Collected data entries
*** Block opens ***

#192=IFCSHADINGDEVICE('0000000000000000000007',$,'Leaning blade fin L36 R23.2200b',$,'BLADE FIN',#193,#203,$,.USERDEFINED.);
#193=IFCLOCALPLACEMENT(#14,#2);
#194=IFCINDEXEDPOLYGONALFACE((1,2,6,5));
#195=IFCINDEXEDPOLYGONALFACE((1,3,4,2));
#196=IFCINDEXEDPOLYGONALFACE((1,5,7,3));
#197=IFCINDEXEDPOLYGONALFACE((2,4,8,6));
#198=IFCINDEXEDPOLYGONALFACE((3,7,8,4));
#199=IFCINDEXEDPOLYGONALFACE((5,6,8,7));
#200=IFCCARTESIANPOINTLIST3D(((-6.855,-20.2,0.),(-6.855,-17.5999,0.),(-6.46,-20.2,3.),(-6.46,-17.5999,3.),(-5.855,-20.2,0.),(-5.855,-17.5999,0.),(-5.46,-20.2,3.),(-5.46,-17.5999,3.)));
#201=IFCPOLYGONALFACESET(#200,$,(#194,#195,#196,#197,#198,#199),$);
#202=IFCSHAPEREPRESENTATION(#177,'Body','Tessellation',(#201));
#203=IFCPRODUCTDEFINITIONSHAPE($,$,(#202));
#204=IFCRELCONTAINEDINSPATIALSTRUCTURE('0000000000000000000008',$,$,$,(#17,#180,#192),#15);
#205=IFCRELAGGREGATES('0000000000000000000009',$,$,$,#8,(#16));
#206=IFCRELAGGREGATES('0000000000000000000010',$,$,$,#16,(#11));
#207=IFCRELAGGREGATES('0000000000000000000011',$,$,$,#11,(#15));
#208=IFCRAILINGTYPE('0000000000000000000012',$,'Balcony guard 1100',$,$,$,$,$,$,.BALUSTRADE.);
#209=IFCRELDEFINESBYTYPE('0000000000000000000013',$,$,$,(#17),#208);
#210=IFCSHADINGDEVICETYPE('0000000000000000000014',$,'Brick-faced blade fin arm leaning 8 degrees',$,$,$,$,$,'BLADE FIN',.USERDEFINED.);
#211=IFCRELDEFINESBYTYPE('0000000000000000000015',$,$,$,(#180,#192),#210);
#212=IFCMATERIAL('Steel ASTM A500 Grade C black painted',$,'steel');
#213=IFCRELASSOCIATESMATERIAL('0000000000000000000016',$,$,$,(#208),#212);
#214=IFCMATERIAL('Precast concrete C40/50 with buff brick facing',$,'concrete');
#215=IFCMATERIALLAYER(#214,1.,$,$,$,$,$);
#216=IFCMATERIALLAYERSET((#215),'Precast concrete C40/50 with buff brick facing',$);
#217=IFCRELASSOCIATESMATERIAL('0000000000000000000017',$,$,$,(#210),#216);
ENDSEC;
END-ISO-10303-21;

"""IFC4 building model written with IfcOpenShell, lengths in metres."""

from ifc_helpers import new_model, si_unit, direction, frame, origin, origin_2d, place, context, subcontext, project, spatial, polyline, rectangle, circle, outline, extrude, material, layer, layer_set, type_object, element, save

*** Block closes ***

▶ TASK BRIEF
In the records above, find the lines containing "USERDEFINED" and copy them.

▶ ANSWER FOR THE TASK
#192=IFCSHADINGDEVICE('0000000000000000000007',$,'Leaning blade fin L36 R23.2200b',$,'BLADE FIN',#193,#203,$,.USERDEFINED.);
#210=IFCSHADINGDEVICETYPE('0000000000000000000014',$,'Brick-faced blade fin arm leaning 8 degrees',$,$,$,$,$,'BLADE FIN',.USERDEFINED.);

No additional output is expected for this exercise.